• [Data to examine]:

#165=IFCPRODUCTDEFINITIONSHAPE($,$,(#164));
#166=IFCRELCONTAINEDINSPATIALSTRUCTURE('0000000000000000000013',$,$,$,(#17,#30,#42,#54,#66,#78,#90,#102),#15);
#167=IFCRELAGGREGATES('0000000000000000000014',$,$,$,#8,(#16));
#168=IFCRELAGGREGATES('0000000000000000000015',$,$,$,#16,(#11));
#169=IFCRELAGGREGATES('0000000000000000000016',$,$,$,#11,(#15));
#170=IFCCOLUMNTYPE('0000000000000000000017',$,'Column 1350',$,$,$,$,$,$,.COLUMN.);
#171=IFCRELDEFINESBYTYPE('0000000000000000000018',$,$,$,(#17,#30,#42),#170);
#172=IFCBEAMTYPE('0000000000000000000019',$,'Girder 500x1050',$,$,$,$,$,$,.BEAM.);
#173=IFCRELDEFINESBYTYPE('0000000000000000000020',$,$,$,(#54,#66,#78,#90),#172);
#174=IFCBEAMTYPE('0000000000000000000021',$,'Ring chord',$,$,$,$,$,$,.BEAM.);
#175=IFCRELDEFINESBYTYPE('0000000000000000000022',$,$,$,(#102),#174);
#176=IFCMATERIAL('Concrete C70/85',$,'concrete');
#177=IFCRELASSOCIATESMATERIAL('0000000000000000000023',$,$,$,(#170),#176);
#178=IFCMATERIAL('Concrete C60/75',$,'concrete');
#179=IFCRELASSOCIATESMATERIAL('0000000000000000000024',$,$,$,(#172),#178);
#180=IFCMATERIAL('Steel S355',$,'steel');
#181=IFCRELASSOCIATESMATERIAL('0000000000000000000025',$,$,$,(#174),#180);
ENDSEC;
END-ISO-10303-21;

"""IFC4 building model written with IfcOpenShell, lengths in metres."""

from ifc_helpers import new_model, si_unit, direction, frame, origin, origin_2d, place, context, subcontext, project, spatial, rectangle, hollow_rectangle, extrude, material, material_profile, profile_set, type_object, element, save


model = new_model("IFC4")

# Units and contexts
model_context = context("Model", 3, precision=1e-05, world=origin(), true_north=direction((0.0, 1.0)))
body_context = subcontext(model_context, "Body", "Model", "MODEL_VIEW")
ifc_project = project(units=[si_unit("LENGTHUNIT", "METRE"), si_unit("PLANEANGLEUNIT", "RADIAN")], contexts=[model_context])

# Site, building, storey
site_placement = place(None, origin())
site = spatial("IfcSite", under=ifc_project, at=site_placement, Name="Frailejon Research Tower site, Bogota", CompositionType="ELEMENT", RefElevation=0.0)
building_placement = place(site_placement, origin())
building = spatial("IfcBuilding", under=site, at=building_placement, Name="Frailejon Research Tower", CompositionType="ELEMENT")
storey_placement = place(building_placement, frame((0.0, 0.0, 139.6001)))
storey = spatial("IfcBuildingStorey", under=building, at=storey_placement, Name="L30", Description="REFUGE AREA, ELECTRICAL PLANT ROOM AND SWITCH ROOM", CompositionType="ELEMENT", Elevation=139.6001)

--

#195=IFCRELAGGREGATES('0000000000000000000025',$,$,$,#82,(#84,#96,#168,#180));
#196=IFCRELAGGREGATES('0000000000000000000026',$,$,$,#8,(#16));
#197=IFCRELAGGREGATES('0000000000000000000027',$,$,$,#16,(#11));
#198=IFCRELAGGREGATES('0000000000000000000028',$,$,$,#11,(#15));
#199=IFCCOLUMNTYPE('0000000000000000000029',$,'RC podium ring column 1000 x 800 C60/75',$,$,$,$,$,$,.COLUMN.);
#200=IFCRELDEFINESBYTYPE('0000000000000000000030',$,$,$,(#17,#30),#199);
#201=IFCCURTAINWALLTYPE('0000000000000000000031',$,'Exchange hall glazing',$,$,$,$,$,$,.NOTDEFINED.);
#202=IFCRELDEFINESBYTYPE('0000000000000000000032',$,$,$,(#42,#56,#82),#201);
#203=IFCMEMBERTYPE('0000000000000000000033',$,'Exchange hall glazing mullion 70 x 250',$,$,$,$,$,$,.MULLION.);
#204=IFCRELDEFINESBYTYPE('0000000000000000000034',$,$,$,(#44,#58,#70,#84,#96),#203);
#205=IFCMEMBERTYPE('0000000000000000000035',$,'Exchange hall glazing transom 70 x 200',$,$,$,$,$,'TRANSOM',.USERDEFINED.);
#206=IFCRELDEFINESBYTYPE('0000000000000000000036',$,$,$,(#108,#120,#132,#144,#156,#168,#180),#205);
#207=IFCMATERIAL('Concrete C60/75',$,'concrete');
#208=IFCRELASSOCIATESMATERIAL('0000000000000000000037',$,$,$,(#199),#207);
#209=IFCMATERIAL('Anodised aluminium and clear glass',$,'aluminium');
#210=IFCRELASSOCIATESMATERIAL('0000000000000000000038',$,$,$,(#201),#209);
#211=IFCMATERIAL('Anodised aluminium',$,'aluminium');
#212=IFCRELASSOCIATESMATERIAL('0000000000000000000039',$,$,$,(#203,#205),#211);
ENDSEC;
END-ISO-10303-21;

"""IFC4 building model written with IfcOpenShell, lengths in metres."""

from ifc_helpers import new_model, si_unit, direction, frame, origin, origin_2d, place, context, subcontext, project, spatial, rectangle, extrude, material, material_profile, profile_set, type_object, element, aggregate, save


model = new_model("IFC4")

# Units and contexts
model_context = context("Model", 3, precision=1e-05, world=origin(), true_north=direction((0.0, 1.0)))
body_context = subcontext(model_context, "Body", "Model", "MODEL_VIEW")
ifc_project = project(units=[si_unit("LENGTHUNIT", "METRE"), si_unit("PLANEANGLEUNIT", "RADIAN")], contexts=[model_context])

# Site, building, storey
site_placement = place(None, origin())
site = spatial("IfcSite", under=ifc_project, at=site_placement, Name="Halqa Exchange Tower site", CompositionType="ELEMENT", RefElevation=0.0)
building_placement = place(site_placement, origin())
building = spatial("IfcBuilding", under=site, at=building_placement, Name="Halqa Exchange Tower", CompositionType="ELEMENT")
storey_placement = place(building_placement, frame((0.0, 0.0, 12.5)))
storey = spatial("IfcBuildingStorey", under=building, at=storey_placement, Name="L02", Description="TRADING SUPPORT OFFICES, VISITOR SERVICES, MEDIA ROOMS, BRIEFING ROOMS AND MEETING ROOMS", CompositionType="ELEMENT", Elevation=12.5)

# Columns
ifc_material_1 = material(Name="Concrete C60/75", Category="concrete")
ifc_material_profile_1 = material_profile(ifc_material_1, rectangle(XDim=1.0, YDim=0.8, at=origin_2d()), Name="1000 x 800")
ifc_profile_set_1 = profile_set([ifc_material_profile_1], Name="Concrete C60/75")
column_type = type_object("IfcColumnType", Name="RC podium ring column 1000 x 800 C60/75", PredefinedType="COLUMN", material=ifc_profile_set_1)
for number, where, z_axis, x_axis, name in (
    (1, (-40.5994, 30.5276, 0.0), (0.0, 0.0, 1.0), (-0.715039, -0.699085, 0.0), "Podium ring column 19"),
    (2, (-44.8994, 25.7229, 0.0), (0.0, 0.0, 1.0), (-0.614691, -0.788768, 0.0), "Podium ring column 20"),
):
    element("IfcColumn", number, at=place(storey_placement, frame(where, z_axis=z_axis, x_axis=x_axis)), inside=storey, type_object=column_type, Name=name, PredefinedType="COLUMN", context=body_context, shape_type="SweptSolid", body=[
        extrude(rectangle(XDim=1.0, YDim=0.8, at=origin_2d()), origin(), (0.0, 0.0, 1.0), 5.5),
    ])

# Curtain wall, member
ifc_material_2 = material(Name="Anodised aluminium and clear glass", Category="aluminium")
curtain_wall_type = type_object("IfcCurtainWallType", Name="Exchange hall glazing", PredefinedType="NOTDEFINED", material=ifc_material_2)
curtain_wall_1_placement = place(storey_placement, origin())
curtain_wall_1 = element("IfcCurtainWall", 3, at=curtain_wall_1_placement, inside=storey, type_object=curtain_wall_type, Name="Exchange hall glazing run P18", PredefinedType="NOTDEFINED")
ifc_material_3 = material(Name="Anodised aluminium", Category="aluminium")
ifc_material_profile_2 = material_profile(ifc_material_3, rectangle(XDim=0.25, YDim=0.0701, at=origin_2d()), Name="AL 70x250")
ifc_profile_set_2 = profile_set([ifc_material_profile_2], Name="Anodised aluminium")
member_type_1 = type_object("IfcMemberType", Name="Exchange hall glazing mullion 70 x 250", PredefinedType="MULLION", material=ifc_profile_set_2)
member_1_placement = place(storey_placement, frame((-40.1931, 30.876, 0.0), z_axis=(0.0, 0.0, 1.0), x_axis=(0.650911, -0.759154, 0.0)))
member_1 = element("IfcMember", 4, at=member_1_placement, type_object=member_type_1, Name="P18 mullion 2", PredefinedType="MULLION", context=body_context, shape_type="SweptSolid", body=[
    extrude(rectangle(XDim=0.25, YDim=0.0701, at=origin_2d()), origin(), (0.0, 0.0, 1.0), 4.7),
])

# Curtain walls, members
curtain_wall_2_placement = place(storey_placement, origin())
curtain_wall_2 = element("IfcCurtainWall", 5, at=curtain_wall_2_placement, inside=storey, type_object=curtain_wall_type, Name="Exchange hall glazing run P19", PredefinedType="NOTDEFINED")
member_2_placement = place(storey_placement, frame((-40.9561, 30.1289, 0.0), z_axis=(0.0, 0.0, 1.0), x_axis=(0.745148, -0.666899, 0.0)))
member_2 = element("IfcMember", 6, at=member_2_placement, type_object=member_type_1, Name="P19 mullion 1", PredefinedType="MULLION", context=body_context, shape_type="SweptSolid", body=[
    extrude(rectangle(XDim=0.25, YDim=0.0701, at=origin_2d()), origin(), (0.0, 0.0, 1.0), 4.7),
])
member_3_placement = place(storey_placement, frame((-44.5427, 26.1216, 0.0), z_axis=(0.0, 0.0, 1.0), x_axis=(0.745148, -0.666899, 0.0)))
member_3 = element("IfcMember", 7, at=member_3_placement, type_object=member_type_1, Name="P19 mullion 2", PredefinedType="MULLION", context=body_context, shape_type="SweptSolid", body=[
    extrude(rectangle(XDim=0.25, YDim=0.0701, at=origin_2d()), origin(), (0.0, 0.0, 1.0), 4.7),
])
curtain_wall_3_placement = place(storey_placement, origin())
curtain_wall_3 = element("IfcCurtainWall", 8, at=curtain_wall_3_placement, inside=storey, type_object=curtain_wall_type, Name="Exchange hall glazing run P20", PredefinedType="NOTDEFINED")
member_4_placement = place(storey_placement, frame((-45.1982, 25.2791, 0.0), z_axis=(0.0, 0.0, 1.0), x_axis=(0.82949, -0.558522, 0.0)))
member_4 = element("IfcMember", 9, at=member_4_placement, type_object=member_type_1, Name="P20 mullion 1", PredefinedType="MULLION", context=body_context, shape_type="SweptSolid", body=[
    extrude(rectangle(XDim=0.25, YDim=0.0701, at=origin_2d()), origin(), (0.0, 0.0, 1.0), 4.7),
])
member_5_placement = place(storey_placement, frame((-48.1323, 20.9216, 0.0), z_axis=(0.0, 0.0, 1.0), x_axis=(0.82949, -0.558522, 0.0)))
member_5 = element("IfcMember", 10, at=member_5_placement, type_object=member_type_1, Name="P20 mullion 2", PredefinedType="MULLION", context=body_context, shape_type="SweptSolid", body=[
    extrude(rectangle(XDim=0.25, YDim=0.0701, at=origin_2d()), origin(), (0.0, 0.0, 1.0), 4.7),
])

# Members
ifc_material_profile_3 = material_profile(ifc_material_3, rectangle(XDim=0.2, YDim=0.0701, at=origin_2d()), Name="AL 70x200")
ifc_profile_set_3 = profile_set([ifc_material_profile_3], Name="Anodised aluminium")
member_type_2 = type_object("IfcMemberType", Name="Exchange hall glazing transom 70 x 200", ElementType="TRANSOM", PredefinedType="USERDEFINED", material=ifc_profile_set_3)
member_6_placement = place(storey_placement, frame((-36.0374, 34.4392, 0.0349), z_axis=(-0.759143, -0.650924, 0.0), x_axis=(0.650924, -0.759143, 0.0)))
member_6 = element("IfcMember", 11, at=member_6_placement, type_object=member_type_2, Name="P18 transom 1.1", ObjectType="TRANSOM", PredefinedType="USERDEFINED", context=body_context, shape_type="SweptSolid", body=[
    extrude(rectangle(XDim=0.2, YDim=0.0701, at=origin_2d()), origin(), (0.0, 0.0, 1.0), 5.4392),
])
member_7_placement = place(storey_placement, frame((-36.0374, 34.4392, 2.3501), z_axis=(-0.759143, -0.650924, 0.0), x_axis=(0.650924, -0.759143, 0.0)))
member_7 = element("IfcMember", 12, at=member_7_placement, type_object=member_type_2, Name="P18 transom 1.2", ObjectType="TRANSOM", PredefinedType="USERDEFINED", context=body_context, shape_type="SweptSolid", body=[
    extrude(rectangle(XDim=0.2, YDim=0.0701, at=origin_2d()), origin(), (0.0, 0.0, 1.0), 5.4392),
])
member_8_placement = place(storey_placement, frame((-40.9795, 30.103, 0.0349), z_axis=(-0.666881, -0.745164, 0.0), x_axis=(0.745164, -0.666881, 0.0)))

• [About this exercise]: Read the listing above, then copy every line that includes the string "Tower".

• [Answer area]:
site = spatial("IfcSite", under=ifc_project, at=site_placement, Name="Frailejon Research Tower site, Bogota", CompositionType="ELEMENT", RefElevation=0.0)
building = spatial("IfcBuilding", under=site, at=building_placement, Name="Frailejon Research Tower", CompositionType="ELEMENT")
site = spatial("IfcSite", under=ifc_project, at=site_placement, Name="Halqa Exchange Tower site", CompositionType="ELEMENT", RefElevation=0.0)
building = spatial("IfcBuilding", under=site, at=building_placement, Name="Halqa Exchange Tower", CompositionType="ELEMENT")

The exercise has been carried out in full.